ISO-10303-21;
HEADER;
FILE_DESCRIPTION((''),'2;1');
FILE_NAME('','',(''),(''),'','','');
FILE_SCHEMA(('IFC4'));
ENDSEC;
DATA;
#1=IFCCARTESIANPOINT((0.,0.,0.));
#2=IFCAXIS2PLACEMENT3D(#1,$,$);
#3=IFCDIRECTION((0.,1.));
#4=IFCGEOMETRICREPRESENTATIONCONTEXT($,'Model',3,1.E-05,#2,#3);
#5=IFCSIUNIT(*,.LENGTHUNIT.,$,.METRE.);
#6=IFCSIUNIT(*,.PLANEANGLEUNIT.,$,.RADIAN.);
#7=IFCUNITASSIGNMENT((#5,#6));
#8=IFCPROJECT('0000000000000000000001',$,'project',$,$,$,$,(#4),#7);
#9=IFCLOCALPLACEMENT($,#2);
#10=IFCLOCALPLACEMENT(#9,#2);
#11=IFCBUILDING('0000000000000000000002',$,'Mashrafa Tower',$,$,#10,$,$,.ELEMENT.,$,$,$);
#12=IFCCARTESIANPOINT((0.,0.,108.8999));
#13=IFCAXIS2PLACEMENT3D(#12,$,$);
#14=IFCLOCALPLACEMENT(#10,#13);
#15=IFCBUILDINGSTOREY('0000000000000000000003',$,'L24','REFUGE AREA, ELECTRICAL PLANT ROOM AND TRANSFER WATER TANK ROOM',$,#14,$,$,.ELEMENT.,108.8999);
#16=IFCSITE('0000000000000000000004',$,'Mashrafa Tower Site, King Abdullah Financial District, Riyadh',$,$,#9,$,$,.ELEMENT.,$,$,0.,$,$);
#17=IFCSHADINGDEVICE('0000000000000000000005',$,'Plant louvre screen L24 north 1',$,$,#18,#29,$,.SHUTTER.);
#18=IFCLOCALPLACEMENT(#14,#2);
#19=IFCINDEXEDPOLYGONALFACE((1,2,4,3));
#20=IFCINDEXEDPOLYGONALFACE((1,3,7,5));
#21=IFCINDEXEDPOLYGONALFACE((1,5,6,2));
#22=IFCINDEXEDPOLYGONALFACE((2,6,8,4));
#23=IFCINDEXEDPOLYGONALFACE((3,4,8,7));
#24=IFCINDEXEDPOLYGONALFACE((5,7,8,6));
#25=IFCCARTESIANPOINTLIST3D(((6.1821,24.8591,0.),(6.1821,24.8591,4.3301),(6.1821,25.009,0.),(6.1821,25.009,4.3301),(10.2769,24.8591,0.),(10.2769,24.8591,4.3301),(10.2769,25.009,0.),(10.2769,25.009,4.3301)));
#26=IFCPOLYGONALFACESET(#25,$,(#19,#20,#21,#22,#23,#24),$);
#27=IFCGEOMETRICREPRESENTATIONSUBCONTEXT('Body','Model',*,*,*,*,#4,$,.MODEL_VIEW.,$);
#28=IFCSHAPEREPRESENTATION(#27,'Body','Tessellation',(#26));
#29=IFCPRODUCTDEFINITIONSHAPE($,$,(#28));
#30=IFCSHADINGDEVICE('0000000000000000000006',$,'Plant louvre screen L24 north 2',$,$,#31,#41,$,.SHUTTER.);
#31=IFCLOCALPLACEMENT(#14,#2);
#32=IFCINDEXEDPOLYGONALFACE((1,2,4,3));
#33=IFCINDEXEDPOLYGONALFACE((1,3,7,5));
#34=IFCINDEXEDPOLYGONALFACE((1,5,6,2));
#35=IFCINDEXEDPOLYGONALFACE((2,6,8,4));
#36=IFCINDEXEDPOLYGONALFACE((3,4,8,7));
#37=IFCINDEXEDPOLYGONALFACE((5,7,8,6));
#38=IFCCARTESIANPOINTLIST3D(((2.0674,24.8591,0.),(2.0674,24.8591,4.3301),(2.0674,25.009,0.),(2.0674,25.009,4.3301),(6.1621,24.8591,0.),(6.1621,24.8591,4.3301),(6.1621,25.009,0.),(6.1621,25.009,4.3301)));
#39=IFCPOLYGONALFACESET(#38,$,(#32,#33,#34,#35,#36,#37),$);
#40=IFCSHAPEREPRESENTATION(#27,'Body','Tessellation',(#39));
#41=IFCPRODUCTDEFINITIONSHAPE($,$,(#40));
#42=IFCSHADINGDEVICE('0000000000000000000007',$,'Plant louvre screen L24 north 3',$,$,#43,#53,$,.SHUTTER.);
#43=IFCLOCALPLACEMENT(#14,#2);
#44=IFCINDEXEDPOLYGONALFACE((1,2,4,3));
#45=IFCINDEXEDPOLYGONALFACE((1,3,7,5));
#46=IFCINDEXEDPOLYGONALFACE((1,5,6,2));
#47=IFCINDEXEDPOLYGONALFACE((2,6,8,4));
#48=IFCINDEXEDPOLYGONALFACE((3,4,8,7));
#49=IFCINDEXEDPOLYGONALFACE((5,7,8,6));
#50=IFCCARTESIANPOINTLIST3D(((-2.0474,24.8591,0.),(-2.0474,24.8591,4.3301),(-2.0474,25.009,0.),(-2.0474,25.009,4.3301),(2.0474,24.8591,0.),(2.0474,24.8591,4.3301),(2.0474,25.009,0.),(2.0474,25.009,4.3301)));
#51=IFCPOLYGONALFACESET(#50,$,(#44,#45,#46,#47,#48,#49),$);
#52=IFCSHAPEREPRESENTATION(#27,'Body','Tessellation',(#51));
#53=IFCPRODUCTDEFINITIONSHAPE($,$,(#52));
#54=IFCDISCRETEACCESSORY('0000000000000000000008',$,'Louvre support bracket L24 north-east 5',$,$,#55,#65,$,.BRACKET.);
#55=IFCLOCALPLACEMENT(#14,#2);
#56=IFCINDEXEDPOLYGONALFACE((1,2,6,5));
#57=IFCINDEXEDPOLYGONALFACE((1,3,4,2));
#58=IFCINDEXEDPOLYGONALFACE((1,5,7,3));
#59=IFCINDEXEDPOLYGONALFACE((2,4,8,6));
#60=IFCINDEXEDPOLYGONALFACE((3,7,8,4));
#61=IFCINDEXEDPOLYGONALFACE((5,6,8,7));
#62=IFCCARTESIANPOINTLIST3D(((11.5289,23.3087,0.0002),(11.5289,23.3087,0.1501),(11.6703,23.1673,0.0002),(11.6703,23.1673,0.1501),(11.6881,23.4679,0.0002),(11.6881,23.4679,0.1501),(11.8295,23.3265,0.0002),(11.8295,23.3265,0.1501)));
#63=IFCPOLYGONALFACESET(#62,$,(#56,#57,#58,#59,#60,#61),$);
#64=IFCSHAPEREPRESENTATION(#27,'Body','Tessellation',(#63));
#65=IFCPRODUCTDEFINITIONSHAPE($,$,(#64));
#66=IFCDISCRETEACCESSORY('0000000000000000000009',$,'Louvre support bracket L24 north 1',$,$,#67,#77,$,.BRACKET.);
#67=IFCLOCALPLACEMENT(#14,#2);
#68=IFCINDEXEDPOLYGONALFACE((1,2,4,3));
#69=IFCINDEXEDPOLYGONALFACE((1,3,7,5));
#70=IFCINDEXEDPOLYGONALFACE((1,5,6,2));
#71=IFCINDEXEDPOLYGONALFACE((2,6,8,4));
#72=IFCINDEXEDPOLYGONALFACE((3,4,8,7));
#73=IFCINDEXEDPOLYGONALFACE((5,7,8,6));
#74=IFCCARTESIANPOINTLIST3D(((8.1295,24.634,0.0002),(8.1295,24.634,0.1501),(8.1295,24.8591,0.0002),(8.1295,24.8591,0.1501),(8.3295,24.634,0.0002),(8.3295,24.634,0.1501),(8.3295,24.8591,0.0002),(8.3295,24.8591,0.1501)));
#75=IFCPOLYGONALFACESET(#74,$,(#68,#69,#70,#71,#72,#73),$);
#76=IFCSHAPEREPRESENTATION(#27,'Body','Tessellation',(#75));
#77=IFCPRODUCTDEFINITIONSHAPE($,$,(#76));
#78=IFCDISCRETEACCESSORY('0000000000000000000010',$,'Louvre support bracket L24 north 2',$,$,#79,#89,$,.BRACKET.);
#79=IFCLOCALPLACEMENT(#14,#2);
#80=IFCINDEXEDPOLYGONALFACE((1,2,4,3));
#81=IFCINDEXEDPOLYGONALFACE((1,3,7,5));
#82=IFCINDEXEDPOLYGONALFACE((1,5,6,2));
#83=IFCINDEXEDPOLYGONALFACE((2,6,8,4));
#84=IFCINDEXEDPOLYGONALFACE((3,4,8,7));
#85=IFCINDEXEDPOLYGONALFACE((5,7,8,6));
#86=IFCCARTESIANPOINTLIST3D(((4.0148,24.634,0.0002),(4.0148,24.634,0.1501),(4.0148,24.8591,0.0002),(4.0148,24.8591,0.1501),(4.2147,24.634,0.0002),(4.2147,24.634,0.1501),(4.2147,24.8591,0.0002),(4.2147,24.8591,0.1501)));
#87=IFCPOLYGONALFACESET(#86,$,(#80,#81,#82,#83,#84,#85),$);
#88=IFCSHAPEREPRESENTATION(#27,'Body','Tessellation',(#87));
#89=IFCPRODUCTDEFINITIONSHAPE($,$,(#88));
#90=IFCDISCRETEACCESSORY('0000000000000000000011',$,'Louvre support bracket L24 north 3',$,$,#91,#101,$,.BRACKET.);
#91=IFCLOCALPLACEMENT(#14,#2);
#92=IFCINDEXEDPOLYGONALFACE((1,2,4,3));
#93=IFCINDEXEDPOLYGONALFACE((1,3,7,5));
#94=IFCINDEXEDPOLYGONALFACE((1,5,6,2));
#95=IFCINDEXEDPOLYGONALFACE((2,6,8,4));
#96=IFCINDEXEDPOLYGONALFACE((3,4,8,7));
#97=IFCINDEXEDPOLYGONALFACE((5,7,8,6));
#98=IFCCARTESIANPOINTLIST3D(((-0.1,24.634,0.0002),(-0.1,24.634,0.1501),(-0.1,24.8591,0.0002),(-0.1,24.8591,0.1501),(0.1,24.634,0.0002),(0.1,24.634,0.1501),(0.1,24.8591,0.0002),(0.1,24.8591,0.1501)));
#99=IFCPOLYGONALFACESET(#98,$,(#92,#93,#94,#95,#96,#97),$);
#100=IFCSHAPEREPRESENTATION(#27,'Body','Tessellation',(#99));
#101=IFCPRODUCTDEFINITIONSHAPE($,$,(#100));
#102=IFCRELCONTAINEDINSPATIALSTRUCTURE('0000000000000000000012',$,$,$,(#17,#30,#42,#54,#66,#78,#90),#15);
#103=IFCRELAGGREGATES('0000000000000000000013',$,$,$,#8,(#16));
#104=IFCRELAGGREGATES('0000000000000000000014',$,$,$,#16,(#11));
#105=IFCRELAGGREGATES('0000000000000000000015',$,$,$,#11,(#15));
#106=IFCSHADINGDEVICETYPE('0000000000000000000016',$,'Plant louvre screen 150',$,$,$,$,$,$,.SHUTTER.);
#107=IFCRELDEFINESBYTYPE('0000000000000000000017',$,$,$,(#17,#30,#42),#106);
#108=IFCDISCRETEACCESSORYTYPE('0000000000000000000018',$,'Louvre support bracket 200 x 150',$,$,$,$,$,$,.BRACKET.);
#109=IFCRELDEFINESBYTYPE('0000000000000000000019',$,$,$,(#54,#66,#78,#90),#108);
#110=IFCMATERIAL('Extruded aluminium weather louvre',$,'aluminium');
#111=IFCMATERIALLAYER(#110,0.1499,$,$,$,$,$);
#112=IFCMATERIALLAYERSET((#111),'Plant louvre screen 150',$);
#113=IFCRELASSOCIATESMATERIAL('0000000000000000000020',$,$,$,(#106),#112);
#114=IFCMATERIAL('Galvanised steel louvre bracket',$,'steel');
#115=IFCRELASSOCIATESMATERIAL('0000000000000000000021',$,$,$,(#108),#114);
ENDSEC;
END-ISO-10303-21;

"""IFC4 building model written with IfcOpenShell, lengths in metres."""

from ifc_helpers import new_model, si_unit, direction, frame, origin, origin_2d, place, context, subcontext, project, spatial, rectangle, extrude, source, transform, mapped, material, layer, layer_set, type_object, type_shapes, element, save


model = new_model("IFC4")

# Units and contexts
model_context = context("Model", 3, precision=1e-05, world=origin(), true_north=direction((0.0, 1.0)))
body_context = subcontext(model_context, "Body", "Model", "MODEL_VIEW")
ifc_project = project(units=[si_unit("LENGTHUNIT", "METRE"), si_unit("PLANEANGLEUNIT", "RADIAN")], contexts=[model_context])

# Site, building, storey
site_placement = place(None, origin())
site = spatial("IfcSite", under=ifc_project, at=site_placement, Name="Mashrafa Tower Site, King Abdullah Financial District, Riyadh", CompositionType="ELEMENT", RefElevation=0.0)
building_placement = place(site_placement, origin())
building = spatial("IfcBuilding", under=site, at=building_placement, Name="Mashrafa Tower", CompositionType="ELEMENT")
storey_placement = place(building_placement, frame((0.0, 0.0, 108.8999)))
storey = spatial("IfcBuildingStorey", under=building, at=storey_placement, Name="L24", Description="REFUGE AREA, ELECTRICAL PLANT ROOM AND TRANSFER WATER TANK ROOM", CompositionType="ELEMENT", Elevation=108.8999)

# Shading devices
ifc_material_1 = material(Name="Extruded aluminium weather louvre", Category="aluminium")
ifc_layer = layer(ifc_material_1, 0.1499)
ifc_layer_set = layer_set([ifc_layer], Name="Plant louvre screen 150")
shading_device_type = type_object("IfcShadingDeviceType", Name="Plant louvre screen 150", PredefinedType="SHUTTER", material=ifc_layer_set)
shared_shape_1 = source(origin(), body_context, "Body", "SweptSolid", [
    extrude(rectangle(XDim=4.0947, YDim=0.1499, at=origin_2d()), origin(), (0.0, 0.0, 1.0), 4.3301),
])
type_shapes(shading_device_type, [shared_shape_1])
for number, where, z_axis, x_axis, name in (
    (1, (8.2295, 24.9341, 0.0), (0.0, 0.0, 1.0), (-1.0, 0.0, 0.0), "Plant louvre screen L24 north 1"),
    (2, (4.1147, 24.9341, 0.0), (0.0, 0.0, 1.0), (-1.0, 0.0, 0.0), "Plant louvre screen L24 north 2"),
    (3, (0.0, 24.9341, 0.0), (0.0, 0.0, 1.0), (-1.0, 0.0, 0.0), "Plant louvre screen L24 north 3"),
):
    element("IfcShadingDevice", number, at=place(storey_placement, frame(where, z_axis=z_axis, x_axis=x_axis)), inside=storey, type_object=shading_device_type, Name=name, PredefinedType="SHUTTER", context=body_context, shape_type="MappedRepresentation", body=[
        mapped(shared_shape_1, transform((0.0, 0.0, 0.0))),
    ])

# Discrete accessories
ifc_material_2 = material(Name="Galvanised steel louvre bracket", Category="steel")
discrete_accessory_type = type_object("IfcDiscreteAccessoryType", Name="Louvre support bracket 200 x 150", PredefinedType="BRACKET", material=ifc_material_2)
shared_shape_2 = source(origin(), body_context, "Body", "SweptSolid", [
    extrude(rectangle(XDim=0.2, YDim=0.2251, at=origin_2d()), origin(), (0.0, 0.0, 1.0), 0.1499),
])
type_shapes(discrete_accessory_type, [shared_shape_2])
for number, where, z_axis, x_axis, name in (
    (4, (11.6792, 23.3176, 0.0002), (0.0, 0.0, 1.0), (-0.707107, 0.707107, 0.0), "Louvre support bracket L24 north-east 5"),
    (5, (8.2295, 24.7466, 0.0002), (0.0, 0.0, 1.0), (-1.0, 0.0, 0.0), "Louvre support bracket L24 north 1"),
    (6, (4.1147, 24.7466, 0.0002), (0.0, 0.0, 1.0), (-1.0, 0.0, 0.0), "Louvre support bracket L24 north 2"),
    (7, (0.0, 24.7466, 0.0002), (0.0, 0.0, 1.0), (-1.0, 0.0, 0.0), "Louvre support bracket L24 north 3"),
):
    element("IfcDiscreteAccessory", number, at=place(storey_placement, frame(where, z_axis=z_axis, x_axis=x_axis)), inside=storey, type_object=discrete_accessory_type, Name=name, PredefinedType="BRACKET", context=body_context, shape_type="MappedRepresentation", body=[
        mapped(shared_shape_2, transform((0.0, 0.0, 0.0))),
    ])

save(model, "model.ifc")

____________

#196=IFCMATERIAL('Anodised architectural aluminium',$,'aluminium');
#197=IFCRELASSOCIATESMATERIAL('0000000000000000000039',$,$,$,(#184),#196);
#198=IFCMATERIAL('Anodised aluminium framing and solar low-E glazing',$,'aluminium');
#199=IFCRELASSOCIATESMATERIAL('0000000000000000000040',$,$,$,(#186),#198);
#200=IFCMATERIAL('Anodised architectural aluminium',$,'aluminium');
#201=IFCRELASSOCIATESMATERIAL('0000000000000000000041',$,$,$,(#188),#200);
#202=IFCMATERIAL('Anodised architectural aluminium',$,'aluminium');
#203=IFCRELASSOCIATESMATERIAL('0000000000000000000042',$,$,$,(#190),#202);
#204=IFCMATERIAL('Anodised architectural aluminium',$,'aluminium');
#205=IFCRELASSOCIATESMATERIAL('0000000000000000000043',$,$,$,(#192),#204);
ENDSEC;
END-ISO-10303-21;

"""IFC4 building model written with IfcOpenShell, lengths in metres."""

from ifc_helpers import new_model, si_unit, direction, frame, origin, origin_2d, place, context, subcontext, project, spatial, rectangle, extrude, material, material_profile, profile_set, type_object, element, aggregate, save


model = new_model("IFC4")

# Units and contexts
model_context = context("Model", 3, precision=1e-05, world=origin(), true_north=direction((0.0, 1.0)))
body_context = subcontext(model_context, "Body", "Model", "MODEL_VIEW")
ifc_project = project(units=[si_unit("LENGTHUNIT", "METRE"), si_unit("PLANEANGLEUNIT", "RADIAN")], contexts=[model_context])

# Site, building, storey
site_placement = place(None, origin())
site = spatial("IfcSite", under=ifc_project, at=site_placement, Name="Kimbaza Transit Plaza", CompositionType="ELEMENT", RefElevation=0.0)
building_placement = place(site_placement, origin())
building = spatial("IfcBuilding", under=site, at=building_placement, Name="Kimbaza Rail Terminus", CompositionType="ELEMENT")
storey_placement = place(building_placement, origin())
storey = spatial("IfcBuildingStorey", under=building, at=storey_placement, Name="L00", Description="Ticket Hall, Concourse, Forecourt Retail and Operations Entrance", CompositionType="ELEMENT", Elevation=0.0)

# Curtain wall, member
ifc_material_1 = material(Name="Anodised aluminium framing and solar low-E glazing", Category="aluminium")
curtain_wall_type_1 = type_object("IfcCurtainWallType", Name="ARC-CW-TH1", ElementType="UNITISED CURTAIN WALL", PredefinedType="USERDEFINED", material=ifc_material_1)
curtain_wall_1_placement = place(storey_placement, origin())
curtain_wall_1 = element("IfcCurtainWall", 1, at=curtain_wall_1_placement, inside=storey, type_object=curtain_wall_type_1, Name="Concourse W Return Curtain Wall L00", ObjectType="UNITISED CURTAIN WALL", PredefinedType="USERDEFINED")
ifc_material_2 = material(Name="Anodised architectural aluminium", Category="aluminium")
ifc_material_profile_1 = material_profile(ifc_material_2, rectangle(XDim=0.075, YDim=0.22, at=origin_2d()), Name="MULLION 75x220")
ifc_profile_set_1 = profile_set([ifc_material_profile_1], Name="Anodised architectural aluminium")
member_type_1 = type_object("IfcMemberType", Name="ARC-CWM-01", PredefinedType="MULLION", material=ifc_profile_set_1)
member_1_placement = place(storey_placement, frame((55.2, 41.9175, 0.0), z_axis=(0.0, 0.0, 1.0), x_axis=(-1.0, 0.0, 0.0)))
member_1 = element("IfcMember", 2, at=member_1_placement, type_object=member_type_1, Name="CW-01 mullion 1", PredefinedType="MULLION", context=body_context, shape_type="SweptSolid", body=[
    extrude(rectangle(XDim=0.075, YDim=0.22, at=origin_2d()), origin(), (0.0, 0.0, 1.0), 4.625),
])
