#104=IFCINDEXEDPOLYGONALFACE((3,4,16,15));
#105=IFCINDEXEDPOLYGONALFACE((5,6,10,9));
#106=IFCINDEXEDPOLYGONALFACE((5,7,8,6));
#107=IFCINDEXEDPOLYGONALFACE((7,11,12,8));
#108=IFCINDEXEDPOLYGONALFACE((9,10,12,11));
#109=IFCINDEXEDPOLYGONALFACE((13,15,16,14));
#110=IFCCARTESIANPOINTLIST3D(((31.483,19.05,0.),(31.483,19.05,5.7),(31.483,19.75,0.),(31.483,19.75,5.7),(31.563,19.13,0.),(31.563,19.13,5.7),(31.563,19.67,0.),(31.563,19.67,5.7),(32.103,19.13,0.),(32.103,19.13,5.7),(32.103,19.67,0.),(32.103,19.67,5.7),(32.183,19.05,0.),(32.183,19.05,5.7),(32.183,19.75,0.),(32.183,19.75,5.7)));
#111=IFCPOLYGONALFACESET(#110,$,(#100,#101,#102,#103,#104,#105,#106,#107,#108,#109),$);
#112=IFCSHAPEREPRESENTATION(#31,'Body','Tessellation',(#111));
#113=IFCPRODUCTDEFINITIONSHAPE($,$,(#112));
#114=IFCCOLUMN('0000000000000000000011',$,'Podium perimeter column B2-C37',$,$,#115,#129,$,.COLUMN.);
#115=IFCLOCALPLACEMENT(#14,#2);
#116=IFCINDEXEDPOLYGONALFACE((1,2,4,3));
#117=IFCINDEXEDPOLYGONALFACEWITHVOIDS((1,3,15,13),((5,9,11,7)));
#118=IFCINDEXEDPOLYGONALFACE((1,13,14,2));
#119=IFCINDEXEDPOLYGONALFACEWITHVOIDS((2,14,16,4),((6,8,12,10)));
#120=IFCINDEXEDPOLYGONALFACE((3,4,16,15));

____________

- [YOUR OBJECTIVE]: How many lines in the records above contain the word "solar"? Answer with the number alone.

- [WRITTEN RESPONSE]: 2